> **Your task**: Wherever the word "USERDEFINED" appears in the entries, copy the whole line.

Start of Data records

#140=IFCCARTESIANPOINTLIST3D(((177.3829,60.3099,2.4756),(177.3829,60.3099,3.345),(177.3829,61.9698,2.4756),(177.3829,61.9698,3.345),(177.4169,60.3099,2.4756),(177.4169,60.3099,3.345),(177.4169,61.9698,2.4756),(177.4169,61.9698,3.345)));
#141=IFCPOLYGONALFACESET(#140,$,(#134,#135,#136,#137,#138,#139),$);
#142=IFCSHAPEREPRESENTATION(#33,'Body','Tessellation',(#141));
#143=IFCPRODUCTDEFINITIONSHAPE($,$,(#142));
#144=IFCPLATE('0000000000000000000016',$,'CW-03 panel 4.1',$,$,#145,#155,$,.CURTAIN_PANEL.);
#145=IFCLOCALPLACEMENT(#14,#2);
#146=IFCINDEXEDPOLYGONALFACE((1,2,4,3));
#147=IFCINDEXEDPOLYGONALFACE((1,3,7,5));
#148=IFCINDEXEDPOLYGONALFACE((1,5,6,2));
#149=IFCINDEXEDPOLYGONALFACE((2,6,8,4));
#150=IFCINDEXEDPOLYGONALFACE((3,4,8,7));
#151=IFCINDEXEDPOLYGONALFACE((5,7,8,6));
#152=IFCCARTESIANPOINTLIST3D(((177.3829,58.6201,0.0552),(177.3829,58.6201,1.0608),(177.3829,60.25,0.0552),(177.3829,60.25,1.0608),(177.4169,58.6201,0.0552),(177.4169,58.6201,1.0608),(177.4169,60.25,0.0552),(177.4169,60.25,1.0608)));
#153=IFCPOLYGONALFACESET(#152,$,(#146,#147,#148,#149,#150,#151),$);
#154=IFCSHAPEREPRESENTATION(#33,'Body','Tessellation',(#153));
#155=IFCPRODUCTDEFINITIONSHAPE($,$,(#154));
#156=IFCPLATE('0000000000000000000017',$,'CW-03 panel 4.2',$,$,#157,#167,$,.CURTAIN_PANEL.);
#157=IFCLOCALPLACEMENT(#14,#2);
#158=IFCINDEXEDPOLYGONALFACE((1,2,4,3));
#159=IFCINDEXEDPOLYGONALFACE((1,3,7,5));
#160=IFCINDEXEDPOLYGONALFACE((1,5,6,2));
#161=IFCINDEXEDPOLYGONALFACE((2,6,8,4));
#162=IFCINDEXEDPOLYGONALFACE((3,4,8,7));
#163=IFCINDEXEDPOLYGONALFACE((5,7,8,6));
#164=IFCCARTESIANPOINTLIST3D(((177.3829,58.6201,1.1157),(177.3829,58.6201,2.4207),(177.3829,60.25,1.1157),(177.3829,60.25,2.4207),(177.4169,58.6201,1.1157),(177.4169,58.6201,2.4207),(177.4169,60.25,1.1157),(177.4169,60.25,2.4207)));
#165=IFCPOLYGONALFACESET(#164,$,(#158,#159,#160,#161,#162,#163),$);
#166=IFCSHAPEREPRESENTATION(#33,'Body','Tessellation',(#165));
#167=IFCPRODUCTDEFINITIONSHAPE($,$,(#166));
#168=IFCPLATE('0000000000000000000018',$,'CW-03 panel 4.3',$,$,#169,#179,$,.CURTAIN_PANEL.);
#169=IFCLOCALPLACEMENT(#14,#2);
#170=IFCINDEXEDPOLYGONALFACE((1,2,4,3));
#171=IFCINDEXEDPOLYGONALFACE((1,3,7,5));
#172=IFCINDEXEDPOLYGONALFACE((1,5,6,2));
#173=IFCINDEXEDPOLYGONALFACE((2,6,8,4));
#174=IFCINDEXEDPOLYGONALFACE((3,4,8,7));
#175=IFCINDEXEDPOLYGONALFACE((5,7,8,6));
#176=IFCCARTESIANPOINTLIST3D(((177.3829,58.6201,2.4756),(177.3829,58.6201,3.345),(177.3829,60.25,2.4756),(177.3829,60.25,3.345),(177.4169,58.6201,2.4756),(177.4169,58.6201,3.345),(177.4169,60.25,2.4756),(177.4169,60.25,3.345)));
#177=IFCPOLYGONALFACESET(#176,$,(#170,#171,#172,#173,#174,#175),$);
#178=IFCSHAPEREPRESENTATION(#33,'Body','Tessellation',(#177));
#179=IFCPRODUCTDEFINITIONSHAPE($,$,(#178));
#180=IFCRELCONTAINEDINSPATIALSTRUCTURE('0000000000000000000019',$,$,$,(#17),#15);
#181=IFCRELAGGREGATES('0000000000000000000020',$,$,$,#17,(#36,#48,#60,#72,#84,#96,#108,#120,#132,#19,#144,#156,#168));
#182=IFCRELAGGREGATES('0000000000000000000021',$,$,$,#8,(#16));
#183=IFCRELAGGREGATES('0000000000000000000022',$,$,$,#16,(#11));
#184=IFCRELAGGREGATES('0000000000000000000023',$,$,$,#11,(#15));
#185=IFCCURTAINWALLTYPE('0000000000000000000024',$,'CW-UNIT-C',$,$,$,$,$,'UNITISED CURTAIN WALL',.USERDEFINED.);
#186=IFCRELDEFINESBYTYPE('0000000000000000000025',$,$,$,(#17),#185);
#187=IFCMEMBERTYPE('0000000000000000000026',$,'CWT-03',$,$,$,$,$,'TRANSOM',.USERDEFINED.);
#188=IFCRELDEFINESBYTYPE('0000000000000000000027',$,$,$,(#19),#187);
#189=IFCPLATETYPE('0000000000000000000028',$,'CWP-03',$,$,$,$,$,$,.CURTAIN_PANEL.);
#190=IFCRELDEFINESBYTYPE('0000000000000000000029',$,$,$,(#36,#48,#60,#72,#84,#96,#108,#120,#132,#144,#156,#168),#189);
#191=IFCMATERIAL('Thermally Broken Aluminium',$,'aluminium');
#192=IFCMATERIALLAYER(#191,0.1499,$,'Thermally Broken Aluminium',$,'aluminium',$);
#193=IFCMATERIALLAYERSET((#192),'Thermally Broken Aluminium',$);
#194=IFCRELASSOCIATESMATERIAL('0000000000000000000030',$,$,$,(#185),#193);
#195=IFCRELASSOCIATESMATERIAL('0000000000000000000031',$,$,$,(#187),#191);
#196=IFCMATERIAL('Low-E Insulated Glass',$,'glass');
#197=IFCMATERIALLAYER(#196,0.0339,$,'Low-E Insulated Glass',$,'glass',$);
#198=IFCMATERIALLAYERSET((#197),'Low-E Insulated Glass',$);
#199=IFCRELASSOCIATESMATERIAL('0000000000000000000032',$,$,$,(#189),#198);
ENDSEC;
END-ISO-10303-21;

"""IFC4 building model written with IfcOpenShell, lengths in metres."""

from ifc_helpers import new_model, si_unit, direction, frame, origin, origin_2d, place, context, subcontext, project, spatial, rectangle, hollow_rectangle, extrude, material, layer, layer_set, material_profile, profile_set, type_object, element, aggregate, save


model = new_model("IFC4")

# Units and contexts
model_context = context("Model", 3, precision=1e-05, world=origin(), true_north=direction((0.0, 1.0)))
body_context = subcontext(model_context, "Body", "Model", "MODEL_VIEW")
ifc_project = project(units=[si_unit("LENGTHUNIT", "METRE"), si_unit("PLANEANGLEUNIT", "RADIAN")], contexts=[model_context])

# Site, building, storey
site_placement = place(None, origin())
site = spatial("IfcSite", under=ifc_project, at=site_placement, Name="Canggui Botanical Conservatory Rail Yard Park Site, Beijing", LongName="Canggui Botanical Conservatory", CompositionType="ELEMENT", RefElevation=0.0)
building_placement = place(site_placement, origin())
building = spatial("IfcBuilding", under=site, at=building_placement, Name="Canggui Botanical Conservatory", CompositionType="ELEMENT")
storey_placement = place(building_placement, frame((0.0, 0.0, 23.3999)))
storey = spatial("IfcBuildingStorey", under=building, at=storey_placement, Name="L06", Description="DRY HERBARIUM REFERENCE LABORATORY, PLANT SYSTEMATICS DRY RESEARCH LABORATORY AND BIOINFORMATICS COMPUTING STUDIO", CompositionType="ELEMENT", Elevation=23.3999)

End of Data records

> **Response**:
#185=IFCCURTAINWALLTYPE('0000000000000000000024',$,'CW-UNIT-C',$,$,$,$,$,'UNITISED CURTAIN WALL',.USERDEFINED.);
#187=IFCMEMBERTYPE('0000000000000000000026',$,'CWT-03',$,$,$,$,$,'TRANSOM',.USERDEFINED.);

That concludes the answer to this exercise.